▸ **WHAT TO WORK ON**
Look in the material below for the line with "#167=IFCPRODUCTDEFINITIONSHAPE($,$,(#166));" and the line with "BRONZE FRITTED WALL',$,$,$,$,$,$,.NOTDEFINED.);", then set down exactly those two lines and all lines between, nothing more.
════
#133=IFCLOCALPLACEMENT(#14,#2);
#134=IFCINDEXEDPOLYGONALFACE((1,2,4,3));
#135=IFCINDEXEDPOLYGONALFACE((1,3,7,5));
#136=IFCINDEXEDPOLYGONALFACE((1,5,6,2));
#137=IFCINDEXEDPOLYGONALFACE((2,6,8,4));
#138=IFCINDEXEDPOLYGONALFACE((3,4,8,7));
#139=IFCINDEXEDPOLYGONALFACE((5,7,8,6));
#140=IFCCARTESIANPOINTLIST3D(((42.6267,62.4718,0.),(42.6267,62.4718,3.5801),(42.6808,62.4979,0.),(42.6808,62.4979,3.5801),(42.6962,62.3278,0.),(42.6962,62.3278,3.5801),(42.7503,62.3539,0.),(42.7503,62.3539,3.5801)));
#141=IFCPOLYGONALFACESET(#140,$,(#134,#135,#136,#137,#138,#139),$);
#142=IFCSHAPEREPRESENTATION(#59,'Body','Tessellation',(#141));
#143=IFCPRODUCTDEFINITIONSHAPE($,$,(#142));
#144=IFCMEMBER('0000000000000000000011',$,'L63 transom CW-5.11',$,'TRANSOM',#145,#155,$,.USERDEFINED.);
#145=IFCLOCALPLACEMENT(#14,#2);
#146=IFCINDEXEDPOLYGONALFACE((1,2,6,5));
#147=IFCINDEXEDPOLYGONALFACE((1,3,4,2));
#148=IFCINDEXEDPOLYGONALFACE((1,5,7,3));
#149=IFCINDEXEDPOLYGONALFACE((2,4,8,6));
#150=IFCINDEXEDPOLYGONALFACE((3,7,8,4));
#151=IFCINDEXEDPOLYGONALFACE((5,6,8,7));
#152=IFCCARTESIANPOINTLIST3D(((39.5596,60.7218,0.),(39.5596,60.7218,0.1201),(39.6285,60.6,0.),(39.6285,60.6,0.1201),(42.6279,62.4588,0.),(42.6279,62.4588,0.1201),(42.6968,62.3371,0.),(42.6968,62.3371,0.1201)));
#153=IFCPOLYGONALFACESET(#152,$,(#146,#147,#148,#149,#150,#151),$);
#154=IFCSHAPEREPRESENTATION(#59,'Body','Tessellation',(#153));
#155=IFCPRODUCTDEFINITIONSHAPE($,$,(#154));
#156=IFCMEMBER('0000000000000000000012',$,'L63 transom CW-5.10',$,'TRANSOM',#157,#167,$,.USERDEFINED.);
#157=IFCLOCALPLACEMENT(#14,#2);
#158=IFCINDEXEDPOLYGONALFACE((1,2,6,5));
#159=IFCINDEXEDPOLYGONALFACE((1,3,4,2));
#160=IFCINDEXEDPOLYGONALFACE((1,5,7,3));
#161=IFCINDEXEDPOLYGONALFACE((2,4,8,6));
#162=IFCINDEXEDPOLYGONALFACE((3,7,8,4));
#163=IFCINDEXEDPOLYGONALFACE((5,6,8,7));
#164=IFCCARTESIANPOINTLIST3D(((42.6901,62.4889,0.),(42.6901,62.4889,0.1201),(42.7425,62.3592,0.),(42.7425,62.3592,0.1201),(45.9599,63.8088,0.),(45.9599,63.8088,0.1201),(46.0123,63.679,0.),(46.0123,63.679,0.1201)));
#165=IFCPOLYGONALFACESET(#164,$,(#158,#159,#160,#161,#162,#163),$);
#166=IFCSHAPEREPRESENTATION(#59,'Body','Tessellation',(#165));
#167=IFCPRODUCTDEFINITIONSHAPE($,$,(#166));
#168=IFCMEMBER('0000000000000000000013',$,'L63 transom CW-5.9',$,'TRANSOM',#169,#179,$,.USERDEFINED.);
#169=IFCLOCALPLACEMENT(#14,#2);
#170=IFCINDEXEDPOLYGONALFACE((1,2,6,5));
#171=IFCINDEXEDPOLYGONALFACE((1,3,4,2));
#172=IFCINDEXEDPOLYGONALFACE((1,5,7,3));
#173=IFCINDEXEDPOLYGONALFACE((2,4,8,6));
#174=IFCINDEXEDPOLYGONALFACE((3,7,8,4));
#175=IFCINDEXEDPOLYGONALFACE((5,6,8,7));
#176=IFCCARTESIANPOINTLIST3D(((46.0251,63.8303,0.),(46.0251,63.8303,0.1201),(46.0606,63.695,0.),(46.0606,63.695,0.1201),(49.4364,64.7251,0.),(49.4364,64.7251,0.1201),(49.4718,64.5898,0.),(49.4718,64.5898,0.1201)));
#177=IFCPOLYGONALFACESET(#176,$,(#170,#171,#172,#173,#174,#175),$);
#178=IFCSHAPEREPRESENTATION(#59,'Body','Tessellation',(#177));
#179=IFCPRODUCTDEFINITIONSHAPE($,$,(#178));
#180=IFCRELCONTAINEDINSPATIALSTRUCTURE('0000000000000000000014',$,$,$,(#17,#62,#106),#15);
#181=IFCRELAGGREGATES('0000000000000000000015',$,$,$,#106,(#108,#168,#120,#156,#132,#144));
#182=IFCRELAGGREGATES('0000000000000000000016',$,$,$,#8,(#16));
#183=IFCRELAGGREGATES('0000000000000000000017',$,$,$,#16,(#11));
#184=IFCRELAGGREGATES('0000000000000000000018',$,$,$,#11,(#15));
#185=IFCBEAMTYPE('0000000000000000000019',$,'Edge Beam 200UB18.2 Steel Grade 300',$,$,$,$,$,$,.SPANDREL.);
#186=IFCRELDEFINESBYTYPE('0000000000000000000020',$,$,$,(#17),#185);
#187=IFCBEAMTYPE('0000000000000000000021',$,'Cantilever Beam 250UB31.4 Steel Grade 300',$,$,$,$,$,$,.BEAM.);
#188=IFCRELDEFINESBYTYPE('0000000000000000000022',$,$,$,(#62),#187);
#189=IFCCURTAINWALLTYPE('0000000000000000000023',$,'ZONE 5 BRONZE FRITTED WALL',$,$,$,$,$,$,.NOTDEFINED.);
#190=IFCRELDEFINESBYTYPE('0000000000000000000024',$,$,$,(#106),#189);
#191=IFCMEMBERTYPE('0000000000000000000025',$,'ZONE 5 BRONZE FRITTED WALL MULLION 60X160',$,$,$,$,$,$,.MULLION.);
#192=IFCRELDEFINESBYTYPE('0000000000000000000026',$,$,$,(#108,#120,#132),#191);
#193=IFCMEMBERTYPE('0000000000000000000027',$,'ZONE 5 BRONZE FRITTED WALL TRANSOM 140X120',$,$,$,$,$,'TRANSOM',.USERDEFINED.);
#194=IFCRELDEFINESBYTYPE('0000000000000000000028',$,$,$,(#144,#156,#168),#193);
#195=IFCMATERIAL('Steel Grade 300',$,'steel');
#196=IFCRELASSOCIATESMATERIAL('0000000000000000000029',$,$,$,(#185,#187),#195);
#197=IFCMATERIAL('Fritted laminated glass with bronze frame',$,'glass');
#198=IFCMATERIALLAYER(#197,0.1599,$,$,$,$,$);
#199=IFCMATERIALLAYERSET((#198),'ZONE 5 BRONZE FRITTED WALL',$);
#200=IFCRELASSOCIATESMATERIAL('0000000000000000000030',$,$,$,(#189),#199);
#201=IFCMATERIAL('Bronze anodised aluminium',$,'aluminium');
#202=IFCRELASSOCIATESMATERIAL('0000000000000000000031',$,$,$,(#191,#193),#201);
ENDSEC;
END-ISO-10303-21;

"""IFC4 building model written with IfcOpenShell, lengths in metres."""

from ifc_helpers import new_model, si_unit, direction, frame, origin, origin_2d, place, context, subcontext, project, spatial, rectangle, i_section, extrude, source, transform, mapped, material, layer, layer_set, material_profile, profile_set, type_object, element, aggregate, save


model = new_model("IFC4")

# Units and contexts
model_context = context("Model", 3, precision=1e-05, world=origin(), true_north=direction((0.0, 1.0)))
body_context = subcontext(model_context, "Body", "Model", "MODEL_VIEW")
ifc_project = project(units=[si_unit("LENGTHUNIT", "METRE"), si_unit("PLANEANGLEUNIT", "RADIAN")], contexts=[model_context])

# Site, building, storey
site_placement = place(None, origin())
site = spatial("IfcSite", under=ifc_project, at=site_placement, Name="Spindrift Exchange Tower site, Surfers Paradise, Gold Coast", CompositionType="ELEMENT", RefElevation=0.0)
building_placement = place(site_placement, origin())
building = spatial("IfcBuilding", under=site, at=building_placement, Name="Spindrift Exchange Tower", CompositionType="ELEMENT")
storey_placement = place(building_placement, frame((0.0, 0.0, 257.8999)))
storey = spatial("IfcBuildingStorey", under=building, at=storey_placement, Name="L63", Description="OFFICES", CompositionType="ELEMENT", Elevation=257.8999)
════
▸ **ANSWER AREA**
#167=IFCPRODUCTDEFINITIONSHAPE($,$,(#166));
#168=IFCMEMBER('0000000000000000000013',$,'L63 transom CW-5.9',$,'TRANSOM',#169,#179,$,.USERDEFINED.);
#169=IFCLOCALPLACEMENT(#14,#2);
#170=IFCINDEXEDPOLYGONALFACE((1,2,6,5));
#171=IFCINDEXEDPOLYGONALFACE((1,3,4,2));
#172=IFCINDEXEDPOLYGONALFACE((1,5,7,3));
#173=IFCINDEXEDPOLYGONALFACE((2,4,8,6));
#174=IFCINDEXEDPOLYGONALFACE((3,7,8,4));
#175=IFCINDEXEDPOLYGONALFACE((5,6,8,7));
#176=IFCCARTESIANPOINTLIST3D(((46.0251,63.8303,0.),(46.0251,63.8303,0.1201),(46.0606,63.695,0.),(46.0606,63.695,0.1201),(49.4364,64.7251,0.),(49.4364,64.7251,0.1201),(49.4718,64.5898,0.),(49.4718,64.5898,0.1201)));
#177=IFCPOLYGONALFACESET(#176,$,(#170,#171,#172,#173,#174,#175),$);
#178=IFCSHAPEREPRESENTATION(#59,'Body','Tessellation',(#177));
#179=IFCPRODUCTDEFINITIONSHAPE($,$,(#178));
#180=IFCRELCONTAINEDINSPATIALSTRUCTURE('0000000000000000000014',$,$,$,(#17,#62,#106),#15);
#181=IFCRELAGGREGATES('0000000000000000000015',$,$,$,#106,(#108,#168,#120,#156,#132,#144));
#182=IFCRELAGGREGATES('0000000000000000000016',$,$,$,#8,(#16));
#183=IFCRELAGGREGATES('0000000000000000000017',$,$,$,#16,(#11));
#184=IFCRELAGGREGATES('0000000000000000000018',$,$,$,#11,(#15));
#185=IFCBEAMTYPE('0000000000000000000019',$,'Edge Beam 200UB18.2 Steel Grade 300',$,$,$,$,$,$,.SPANDREL.);
#186=IFCRELDEFINESBYTYPE('0000000000000000000020',$,$,$,(#17),#185);
#187=IFCBEAMTYPE('0000000000000000000021',$,'Cantilever Beam 250UB31.4 Steel Grade 300',$,$,$,$,$,$,.BEAM.);
#188=IFCRELDEFINESBYTYPE('0000000000000000000022',$,$,$,(#62),#187);
#189=IFCCURTAINWALLTYPE('0000000000000000000023',$,'ZONE 5 BRONZE FRITTED WALL',$,$,$,$,$,$,.NOTDEFINED.);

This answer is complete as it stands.